(Dataset records)
----

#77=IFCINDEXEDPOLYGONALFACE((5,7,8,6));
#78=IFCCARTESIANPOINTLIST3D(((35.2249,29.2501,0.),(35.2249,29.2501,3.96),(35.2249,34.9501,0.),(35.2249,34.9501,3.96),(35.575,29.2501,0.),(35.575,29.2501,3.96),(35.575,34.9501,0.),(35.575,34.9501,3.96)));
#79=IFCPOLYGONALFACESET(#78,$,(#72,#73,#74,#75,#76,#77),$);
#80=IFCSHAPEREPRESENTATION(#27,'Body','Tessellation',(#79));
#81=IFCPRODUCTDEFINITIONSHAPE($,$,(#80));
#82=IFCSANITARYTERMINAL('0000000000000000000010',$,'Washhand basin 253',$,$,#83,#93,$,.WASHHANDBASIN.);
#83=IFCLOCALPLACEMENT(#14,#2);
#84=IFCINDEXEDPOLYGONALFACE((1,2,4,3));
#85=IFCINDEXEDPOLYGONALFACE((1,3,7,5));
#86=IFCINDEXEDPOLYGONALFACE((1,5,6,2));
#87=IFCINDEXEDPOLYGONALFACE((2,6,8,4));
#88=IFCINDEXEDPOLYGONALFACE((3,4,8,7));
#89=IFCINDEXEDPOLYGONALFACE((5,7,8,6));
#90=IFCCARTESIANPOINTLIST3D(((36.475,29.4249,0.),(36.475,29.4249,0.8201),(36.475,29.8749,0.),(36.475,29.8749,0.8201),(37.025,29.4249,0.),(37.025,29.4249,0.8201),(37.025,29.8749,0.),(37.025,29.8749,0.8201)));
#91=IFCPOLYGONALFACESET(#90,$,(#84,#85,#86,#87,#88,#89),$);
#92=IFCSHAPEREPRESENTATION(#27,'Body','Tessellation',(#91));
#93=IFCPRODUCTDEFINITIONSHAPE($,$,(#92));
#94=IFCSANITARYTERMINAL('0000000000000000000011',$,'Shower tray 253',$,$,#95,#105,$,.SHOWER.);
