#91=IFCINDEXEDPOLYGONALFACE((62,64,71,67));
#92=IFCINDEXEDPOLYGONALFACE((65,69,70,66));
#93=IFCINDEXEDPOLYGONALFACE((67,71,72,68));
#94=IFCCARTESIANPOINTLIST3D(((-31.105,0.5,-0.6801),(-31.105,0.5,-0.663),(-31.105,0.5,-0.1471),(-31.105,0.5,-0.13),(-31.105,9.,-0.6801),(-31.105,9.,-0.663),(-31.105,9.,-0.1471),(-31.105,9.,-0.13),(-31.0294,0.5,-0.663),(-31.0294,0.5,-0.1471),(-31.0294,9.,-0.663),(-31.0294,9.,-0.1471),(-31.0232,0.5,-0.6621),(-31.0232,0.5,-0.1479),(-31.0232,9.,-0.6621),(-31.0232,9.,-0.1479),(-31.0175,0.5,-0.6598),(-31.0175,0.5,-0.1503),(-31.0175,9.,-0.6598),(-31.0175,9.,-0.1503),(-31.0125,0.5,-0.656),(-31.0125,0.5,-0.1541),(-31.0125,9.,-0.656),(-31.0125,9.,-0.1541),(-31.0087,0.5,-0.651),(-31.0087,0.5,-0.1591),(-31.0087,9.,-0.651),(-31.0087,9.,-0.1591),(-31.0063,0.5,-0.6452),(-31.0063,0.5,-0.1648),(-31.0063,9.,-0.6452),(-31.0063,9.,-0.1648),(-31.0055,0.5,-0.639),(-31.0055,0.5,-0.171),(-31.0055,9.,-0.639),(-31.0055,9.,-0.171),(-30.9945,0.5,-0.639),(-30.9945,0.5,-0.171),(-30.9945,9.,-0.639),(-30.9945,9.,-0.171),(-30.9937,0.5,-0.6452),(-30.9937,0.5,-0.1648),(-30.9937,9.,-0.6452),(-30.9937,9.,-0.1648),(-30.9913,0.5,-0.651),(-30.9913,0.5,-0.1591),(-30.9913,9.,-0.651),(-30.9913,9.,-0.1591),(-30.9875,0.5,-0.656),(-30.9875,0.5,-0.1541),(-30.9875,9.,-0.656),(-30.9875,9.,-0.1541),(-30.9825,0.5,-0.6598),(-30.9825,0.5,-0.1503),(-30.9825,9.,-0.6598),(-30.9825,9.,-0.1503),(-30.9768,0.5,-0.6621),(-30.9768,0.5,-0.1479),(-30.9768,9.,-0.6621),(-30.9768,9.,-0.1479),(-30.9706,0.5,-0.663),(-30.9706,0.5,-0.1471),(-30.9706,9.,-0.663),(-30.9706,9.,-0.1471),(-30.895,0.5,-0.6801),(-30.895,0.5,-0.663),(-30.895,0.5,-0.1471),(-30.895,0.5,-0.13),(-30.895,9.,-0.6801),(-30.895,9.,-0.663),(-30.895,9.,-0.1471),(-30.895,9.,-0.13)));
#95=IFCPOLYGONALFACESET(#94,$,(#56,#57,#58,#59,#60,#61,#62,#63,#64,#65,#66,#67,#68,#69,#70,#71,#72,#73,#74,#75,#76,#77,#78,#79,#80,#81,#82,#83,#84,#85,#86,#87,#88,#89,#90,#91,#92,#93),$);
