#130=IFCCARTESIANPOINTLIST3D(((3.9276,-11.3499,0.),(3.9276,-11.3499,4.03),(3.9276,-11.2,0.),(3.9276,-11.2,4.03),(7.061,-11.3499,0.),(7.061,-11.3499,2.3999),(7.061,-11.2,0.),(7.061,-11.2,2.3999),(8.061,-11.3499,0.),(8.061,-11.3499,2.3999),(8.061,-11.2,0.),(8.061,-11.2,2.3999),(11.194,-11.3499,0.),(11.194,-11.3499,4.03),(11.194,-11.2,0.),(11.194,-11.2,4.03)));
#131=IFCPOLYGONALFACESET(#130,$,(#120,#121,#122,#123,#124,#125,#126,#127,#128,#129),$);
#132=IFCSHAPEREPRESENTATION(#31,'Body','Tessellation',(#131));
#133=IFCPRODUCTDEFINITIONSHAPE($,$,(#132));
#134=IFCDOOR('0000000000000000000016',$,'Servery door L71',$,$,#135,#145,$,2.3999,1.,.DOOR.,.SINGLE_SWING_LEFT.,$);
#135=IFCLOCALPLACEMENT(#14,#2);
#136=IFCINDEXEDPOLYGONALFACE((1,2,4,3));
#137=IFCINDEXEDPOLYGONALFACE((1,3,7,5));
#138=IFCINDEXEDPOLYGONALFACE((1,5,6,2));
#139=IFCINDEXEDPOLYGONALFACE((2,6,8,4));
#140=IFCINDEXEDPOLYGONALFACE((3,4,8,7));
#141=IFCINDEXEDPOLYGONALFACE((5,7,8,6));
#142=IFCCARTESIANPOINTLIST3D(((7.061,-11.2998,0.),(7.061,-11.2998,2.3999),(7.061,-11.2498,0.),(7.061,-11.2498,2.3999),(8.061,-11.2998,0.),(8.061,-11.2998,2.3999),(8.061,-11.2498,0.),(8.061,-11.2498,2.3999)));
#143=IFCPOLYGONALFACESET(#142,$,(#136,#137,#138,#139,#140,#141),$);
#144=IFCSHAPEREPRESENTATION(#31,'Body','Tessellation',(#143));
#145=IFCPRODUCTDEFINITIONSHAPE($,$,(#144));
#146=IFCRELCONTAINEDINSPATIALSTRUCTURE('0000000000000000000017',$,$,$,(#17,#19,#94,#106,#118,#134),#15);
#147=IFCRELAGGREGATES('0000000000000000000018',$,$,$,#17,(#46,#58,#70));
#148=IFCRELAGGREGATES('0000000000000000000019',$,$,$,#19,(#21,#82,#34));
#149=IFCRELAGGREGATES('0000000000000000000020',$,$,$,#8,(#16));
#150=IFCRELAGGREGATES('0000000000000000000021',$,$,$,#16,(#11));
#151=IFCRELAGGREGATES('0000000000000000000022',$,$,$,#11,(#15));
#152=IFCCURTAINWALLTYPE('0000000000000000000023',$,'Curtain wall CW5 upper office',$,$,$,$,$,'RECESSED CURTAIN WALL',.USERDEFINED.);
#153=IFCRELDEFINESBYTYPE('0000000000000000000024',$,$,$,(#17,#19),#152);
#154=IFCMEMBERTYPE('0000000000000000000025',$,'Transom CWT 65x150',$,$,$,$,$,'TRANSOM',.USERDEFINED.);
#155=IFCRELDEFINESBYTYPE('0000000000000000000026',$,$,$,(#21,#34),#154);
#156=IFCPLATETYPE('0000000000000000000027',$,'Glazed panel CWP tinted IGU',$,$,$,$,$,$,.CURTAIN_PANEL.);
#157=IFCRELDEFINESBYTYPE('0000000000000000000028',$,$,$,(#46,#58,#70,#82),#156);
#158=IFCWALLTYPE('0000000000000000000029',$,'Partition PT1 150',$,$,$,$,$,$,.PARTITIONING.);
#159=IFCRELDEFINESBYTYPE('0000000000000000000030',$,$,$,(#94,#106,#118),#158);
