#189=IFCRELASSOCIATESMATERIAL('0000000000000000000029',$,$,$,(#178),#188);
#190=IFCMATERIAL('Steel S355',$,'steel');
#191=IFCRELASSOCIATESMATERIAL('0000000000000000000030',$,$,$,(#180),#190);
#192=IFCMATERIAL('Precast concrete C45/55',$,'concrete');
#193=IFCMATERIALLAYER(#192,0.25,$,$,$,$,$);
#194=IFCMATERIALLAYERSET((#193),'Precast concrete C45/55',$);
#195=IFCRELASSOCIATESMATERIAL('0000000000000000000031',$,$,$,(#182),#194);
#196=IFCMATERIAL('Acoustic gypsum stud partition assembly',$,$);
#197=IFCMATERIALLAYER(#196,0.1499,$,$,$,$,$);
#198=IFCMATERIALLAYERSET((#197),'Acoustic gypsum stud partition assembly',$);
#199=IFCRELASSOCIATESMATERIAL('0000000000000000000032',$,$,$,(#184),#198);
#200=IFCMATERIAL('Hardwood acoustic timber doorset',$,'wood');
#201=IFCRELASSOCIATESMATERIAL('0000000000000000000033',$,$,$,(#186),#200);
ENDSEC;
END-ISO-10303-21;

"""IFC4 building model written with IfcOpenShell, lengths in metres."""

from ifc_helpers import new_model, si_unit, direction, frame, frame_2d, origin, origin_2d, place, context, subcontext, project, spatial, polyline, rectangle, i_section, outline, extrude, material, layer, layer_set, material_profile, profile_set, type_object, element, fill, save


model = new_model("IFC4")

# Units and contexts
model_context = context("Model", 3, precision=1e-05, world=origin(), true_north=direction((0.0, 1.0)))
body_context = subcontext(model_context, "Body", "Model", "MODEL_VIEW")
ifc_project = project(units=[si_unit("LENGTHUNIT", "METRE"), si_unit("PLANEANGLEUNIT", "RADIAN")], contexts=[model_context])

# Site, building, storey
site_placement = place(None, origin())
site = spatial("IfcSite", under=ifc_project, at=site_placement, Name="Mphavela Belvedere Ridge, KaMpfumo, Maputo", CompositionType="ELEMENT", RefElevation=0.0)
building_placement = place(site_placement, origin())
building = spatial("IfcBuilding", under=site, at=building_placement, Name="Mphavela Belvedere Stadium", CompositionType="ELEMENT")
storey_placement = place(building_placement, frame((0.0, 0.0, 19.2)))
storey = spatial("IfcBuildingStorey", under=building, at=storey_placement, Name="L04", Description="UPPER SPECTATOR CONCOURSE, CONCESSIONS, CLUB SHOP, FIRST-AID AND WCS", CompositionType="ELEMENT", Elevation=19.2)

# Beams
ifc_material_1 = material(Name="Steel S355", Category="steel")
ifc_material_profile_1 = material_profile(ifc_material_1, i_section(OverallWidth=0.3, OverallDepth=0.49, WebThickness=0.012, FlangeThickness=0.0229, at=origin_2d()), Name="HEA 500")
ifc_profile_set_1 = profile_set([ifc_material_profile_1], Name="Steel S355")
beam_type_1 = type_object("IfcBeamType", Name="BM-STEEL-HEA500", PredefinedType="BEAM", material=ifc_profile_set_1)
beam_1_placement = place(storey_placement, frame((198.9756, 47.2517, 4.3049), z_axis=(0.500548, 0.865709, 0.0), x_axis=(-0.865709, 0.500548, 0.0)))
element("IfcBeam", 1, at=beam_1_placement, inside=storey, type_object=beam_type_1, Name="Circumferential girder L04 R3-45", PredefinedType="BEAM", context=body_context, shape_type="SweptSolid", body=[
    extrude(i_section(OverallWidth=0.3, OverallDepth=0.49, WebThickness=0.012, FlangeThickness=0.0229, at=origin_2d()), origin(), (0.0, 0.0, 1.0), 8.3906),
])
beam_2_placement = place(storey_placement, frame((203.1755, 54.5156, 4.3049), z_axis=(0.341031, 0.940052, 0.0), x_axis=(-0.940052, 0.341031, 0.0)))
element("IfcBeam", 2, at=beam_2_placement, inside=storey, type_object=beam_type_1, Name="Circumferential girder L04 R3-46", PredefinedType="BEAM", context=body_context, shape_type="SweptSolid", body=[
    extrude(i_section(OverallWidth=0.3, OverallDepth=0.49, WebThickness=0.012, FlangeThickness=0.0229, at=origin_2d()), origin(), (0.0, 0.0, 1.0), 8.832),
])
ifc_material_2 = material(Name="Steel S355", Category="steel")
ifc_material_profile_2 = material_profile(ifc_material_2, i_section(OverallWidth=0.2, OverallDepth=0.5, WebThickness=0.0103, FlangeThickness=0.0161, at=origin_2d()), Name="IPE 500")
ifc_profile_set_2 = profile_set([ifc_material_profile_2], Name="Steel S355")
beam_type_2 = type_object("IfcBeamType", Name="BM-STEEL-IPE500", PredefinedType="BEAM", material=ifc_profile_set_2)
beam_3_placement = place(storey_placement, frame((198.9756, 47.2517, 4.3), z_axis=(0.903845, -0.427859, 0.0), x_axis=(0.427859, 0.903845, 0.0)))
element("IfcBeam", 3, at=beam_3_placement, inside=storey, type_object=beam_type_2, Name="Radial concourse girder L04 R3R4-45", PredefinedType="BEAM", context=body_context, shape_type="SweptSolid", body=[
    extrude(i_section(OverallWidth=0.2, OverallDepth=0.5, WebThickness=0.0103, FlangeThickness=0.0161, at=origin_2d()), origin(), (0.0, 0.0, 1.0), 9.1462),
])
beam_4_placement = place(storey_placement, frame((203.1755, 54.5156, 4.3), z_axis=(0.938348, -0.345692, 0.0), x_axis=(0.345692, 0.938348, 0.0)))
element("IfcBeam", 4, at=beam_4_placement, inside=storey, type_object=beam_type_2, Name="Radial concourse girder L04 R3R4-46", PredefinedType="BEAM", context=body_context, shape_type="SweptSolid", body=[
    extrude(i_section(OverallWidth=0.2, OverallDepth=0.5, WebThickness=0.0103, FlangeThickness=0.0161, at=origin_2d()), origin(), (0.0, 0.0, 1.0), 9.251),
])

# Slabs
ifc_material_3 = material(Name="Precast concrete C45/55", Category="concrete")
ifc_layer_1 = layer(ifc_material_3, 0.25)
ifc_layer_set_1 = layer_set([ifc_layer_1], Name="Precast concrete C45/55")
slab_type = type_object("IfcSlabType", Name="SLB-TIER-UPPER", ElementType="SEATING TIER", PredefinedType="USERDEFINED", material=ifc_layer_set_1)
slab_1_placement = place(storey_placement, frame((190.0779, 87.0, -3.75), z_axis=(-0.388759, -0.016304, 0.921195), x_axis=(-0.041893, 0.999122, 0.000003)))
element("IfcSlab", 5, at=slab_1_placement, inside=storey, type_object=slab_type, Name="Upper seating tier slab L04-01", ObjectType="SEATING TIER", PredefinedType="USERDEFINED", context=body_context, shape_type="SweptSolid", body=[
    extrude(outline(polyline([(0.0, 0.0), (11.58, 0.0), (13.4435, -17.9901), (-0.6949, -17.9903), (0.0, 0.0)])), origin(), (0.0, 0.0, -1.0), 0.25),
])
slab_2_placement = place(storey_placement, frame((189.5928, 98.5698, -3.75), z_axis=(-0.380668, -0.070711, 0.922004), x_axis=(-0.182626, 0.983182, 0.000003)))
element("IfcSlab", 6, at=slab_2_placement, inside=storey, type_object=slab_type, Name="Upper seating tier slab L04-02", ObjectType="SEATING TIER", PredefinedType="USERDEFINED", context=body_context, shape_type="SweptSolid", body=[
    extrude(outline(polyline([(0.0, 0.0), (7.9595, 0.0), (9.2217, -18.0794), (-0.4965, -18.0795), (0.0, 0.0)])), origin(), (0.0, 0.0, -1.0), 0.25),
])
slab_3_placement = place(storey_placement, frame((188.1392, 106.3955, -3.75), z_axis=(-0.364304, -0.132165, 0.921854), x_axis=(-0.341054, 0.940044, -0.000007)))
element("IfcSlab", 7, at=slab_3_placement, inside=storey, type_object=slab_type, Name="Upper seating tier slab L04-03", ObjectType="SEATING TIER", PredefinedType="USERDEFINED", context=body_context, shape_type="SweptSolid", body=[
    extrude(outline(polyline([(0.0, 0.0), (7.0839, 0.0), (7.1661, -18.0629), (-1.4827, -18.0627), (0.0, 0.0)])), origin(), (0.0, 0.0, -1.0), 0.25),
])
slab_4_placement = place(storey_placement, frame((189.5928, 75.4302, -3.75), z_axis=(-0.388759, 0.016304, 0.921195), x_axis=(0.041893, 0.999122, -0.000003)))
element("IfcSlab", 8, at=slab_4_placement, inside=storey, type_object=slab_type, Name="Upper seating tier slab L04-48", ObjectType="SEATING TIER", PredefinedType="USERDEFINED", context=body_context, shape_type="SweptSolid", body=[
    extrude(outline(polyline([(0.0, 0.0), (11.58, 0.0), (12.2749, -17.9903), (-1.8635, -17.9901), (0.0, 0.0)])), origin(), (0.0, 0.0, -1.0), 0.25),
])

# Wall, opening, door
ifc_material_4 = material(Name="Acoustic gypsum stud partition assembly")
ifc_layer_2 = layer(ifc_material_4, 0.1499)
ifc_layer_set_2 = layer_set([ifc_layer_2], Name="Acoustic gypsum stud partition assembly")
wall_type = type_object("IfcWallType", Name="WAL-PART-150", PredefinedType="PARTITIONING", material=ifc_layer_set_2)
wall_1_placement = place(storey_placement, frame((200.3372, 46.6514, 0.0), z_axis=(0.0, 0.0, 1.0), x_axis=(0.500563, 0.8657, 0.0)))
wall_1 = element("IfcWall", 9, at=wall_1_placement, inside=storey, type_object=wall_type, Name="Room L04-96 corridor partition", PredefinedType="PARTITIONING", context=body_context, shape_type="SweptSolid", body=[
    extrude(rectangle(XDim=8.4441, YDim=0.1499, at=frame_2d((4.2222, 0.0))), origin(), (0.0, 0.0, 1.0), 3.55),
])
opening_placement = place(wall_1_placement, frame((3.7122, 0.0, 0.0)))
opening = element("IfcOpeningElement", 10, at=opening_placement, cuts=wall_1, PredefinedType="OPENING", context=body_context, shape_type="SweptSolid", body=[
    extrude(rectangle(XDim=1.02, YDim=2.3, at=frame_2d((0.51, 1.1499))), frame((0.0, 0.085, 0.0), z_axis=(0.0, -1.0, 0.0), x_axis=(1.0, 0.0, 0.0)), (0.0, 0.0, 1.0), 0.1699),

----

*HOW TO COMPLETE THIS TASK:* Each line of the records above that contains the word "IFCSHAPEREPRESENTATION" should be counted; give the resulting number without further words.

*TASK SOLUTION:* 4